What appears from the first line of the records below through the line containing "#90=IFCSHAPEREPRESENTATION(#53,'Body','Tessellation',(#89));" must be reproduced verbatim.

*Saved entries:*

+++

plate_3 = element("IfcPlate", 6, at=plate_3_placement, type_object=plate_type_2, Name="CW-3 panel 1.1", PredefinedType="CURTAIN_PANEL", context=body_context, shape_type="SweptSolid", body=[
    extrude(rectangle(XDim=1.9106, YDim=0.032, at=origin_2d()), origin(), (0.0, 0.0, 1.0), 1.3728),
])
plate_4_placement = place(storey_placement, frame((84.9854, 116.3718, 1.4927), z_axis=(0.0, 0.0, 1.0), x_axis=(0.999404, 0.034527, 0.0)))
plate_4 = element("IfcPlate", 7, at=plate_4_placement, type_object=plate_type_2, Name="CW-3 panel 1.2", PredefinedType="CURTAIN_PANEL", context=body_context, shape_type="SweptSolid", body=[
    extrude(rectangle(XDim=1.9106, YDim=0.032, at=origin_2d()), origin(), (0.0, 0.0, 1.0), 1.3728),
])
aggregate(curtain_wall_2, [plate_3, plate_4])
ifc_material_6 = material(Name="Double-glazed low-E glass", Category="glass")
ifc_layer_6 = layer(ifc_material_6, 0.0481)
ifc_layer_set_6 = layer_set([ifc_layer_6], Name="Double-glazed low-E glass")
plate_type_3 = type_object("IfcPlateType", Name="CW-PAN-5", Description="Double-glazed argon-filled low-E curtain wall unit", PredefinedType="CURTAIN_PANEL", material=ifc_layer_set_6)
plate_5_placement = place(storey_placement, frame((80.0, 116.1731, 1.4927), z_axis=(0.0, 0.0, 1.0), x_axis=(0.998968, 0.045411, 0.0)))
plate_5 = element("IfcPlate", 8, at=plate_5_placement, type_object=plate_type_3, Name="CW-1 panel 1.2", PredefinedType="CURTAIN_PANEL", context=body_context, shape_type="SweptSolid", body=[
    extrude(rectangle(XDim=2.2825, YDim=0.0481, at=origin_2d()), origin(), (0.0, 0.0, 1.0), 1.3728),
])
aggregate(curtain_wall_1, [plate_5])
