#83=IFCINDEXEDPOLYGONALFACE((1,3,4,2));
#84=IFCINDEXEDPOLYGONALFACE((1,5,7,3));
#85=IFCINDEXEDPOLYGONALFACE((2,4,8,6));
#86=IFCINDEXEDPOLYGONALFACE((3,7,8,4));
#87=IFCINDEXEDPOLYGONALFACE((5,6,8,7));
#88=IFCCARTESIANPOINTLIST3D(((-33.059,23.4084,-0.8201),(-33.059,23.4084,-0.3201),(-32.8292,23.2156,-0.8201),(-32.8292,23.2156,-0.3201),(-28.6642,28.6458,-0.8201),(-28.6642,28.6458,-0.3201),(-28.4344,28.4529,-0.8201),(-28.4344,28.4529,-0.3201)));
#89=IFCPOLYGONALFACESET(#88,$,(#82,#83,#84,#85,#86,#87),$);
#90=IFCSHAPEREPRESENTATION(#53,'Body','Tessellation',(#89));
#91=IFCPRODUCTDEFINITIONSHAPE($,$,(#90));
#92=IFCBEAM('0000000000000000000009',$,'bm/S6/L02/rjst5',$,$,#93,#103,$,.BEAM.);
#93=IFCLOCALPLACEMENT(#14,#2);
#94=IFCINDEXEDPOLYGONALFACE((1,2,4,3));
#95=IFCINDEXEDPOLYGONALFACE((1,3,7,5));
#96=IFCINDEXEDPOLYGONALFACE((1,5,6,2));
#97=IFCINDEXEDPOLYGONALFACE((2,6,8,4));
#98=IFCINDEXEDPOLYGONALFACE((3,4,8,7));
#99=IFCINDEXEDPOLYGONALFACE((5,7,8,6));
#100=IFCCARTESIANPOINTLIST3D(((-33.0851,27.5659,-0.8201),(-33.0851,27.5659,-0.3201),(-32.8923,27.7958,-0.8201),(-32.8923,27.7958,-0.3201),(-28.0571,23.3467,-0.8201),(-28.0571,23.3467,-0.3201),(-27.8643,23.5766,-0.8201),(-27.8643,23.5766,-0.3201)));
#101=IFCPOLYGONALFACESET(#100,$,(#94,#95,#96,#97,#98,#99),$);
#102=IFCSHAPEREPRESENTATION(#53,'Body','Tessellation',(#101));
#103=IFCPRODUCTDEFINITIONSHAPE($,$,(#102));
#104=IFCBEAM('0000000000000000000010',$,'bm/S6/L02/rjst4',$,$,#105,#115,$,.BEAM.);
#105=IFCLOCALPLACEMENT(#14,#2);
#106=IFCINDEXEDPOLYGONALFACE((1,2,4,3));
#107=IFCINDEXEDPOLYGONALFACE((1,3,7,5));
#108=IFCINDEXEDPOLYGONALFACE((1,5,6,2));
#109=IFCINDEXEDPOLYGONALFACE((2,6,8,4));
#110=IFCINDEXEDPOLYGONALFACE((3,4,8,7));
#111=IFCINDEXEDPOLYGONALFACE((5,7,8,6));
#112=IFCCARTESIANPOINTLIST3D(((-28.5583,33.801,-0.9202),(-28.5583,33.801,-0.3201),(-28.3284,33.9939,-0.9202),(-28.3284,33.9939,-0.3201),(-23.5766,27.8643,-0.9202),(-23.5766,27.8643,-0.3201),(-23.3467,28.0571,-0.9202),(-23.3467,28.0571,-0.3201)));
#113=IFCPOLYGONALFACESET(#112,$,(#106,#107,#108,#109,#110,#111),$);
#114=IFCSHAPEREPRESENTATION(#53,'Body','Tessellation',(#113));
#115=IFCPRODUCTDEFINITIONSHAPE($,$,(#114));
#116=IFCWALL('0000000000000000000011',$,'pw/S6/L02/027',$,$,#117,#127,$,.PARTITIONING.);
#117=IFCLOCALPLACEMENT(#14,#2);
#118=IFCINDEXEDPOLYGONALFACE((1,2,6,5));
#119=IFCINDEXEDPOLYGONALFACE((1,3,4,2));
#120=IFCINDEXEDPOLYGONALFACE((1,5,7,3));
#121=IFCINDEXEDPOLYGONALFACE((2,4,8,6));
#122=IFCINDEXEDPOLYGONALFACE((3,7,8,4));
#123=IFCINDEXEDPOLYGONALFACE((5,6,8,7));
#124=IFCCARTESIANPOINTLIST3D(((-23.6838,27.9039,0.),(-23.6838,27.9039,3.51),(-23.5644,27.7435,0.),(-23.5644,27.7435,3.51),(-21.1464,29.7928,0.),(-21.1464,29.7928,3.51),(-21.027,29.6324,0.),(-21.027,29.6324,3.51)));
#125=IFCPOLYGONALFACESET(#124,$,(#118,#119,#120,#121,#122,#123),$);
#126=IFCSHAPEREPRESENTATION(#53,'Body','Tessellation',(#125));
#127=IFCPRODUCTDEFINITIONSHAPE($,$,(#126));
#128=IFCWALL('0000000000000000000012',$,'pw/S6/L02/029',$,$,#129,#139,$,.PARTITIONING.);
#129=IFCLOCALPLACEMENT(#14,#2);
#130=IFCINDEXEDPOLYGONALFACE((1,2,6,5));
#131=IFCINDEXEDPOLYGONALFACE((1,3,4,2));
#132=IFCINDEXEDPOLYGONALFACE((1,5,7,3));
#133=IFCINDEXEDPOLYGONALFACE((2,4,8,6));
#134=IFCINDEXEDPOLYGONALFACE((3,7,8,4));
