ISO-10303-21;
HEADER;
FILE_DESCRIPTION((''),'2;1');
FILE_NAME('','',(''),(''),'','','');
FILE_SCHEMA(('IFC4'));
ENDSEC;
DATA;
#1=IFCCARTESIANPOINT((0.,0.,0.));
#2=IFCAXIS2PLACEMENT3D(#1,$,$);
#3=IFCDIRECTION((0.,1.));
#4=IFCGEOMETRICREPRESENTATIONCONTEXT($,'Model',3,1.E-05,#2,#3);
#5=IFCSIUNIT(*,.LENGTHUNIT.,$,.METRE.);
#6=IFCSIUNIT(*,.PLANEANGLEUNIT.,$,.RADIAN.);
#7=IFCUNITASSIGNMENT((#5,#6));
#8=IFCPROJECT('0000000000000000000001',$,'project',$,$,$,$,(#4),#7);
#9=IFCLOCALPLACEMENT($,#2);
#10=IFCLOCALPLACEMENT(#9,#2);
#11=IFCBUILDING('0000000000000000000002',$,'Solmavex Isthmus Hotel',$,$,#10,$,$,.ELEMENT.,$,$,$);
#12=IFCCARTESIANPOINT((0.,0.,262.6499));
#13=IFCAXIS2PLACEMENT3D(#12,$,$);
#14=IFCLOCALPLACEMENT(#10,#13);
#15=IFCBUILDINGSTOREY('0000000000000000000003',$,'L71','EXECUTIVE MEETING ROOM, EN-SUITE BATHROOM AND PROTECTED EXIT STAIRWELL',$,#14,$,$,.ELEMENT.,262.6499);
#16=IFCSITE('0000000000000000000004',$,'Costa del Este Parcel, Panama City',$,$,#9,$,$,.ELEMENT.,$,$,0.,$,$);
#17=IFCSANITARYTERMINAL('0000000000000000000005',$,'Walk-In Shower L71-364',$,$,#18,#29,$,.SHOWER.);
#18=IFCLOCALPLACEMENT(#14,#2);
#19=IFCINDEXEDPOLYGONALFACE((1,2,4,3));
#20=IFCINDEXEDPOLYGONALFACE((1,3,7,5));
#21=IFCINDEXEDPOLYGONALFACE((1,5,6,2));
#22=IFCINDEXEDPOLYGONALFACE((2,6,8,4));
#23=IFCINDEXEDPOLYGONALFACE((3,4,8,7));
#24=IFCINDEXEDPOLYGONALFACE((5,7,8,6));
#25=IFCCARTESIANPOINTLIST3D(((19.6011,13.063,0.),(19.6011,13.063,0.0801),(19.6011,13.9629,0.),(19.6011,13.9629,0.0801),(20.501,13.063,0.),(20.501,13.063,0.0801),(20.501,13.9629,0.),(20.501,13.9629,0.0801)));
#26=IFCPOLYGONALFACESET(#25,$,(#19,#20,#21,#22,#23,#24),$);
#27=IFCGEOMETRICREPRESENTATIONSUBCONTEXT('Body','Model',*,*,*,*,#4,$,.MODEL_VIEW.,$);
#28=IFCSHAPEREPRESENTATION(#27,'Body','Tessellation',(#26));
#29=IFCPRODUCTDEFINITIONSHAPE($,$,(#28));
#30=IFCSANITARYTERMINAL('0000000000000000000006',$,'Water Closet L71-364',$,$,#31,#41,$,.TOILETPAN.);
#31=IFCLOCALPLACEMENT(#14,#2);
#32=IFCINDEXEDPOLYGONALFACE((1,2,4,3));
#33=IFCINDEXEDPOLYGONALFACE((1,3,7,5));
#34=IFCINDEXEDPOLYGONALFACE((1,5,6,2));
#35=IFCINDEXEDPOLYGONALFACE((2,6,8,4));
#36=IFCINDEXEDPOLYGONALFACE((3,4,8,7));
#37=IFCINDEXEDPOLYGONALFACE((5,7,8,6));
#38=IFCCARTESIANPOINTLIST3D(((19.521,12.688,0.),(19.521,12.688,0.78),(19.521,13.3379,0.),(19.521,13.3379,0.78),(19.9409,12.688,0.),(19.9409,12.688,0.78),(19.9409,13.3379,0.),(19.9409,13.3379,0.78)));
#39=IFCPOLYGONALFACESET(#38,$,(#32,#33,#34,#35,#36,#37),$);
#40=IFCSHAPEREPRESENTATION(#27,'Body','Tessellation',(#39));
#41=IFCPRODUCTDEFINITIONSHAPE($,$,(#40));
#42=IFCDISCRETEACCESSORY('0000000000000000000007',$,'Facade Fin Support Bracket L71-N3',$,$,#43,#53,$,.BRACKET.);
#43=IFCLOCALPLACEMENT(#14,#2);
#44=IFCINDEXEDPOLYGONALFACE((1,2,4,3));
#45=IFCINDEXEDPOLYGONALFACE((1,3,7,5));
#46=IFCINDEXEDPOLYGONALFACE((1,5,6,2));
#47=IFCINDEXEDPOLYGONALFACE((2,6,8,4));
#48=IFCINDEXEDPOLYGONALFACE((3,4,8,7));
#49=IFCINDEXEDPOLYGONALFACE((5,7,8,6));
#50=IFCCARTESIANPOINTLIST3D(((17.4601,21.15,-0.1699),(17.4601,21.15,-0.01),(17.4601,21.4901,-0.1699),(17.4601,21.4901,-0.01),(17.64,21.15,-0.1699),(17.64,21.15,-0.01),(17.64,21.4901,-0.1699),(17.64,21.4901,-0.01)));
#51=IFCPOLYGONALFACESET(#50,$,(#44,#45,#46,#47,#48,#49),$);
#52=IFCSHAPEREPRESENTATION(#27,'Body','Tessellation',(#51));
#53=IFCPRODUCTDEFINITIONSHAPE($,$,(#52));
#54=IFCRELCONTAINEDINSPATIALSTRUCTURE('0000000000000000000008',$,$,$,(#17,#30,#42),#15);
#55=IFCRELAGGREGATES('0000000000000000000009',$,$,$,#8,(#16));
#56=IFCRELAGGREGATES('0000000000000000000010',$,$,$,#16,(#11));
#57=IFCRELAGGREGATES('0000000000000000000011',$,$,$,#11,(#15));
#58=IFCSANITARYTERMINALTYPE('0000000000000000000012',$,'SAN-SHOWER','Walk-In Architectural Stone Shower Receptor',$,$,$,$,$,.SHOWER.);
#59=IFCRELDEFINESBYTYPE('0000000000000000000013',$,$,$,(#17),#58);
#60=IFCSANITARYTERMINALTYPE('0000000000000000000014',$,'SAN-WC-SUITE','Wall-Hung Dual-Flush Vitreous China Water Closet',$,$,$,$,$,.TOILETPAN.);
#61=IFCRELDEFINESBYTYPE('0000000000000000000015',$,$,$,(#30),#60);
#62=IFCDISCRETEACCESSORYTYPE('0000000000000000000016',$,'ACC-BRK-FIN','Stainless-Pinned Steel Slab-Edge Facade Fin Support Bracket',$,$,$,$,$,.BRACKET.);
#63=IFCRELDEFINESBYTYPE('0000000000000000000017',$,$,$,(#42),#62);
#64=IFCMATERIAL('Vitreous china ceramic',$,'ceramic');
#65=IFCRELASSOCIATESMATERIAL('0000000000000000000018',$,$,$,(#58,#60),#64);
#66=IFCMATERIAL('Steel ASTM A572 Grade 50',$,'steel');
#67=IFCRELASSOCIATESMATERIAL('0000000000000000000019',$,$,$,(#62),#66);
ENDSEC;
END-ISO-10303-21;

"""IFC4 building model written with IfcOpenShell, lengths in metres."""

from ifc_helpers import new_model, si_unit, direction, frame, origin, origin_2d, place, context, subcontext, project, spatial, rectangle, extrude, material, type_object, element, save


model = new_model("IFC4")

# Units and contexts
model_context = context("Model", 3, precision=1e-05, world=origin(), true_north=direction((0.0, 1.0)))
body_context = subcontext(model_context, "Body", "Model", "MODEL_VIEW")
ifc_project = project(units=[si_unit("LENGTHUNIT", "METRE"), si_unit("PLANEANGLEUNIT", "RADIAN")], contexts=[model_context])

# Site, building, storey
site_placement = place(None, origin())
site = spatial("IfcSite", under=ifc_project, at=site_placement, Name="Costa del Este Parcel, Panama City", CompositionType="ELEMENT", RefElevation=0.0)
building_placement = place(site_placement, origin())
building = spatial("IfcBuilding", under=site, at=building_placement, Name="Solmavex Isthmus Hotel", CompositionType="ELEMENT")
storey_placement = place(building_placement, frame((0.0, 0.0, 262.6499)))
storey = spatial("IfcBuildingStorey", under=building, at=storey_placement, Name="L71", Description="EXECUTIVE MEETING ROOM, EN-SUITE BATHROOM AND PROTECTED EXIT STAIRWELL", CompositionType="ELEMENT", Elevation=262.6499)

# Sanitary terminals
ifc_material_1 = material(Name="Vitreous china ceramic", Category="ceramic")
sanitary_terminal_type_1 = type_object("IfcSanitaryTerminalType", Name="SAN-SHOWER", Description="Walk-In Architectural Stone Shower Receptor", PredefinedType="SHOWER", material=ifc_material_1)
sanitary_terminal_1_placement = place(storey_placement, frame((20.051, 13.5129, 0.0), z_axis=(0.0, 0.0, 1.0), x_axis=(1.0, 0.0, 0.0)))
element("IfcSanitaryTerminal", 1, at=sanitary_terminal_1_placement, inside=storey, type_object=sanitary_terminal_type_1, Name="Walk-In Shower L71-364", PredefinedType="SHOWER", context=body_context, shape_type="SweptSolid", body=[
    extrude(rectangle(XDim=0.8999, YDim=0.8999, at=origin_2d()), origin(), (0.0, 0.0, 1.0), 0.0801),
])
sanitary_terminal_type_2 = type_object("IfcSanitaryTerminalType", Name="SAN-WC-SUITE", Description="Wall-Hung Dual-Flush Vitreous China Water Closet", PredefinedType="TOILETPAN", material=ifc_material_1)
sanitary_terminal_2_placement = place(storey_placement, frame((19.731, 13.0129, 0.0), z_axis=(0.0, 0.0, 1.0), x_axis=(1.0, 0.0, 0.0)))
element("IfcSanitaryTerminal", 2, at=sanitary_terminal_2_placement, inside=storey, type_object=sanitary_terminal_type_2, Name="Water Closet L71-364", PredefinedType="TOILETPAN", context=body_context, shape_type="SweptSolid", body=[
    extrude(rectangle(XDim=0.4199, YDim=0.6499, at=origin_2d()), origin(), (0.0, 0.0, 1.0), 0.78),
])

# Discrete accessory
ifc_material_2 = material(Name="Steel ASTM A572 Grade 50", Category="steel")
discrete_accessory_type = type_object("IfcDiscreteAccessoryType", Name="ACC-BRK-FIN", Description="Stainless-Pinned Steel Slab-Edge Facade Fin Support Bracket", PredefinedType="BRACKET", material=ifc_material_2)
discrete_accessory_placement = place(storey_placement, frame((17.55, 21.3201, -0.1699), z_axis=(0.0, 0.0, 1.0), x_axis=(0.0, 1.0, 0.0)))
element("IfcDiscreteAccessory", 3, at=discrete_accessory_placement, inside=storey, type_object=discrete_accessory_type, Name="Facade Fin Support Bracket L71-N3", PredefinedType="BRACKET", context=body_context, shape_type="SweptSolid", body=[
    extrude(rectangle(XDim=0.3401, YDim=0.1799, at=origin_2d()), origin(), (0.0, 0.0, 1.0), 0.1599),
])

save(model, "model.ifc")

+++

*ANSWER SECTION:*
plate_3 = element("IfcPlate", 6, at=plate_3_placement, type_object=plate_type_2, Name="CW-3 panel 1.1", PredefinedType="CURTAIN_PANEL", context=body_context, shape_type="SweptSolid", body=[
    extrude(rectangle(XDim=1.9106, YDim=0.032, at=origin_2d()), origin(), (0.0, 0.0, 1.0), 1.3728),
])
plate_4_placement = place(storey_placement, frame((84.9854, 116.3718, 1.4927), z_axis=(0.0, 0.0, 1.0), x_axis=(0.999404, 0.034527, 0.0)))
plate_4 = element("IfcPlate", 7, at=plate_4_placement, type_object=plate_type_2, Name="CW-3 panel 1.2", PredefinedType="CURTAIN_PANEL", context=body_context, shape_type="SweptSolid", body=[
    extrude(rectangle(XDim=1.9106, YDim=0.032, at=origin_2d()), origin(), (0.0, 0.0, 1.0), 1.3728),
])
aggregate(curtain_wall_2, [plate_3, plate_4])
ifc_material_6 = material(Name="Double-glazed low-E glass", Category="glass")
ifc_layer_6 = layer(ifc_material_6, 0.0481)
ifc_layer_set_6 = layer_set([ifc_layer_6], Name="Double-glazed low-E glass")
plate_type_3 = type_object("IfcPlateType", Name="CW-PAN-5", Description="Double-glazed argon-filled low-E curtain wall unit", PredefinedType="CURTAIN_PANEL", material=ifc_layer_set_6)
plate_5_placement = place(storey_placement, frame((80.0, 116.1731, 1.4927), z_axis=(0.0, 0.0, 1.0), x_axis=(0.998968, 0.045411, 0.0)))
plate_5 = element("IfcPlate", 8, at=plate_5_placement, type_object=plate_type_3, Name="CW-1 panel 1.2", PredefinedType="CURTAIN_PANEL", context=body_context, shape_type="SweptSolid", body=[
    extrude(rectangle(XDim=2.2825, YDim=0.0481, at=origin_2d()), origin(), (0.0, 0.0, 1.0), 1.3728),
])
aggregate(curtain_wall_1, [plate_5])
#83=IFCINDEXEDPOLYGONALFACE((1,3,4,2));
#84=IFCINDEXEDPOLYGONALFACE((1,5,7,3));
#85=IFCINDEXEDPOLYGONALFACE((2,4,8,6));
#86=IFCINDEXEDPOLYGONALFACE((3,7,8,4));
#87=IFCINDEXEDPOLYGONALFACE((5,6,8,7));
#88=IFCCARTESIANPOINTLIST3D(((-33.059,23.4084,-0.8201),(-33.059,23.4084,-0.3201),(-32.8292,23.2156,-0.8201),(-32.8292,23.2156,-0.3201),(-28.6642,28.6458,-0.8201),(-28.6642,28.6458,-0.3201),(-28.4344,28.4529,-0.8201),(-28.4344,28.4529,-0.3201)));
#89=IFCPOLYGONALFACESET(#88,$,(#82,#83,#84,#85,#86,#87),$);
#90=IFCSHAPEREPRESENTATION(#53,'Body','Tessellation',(#89));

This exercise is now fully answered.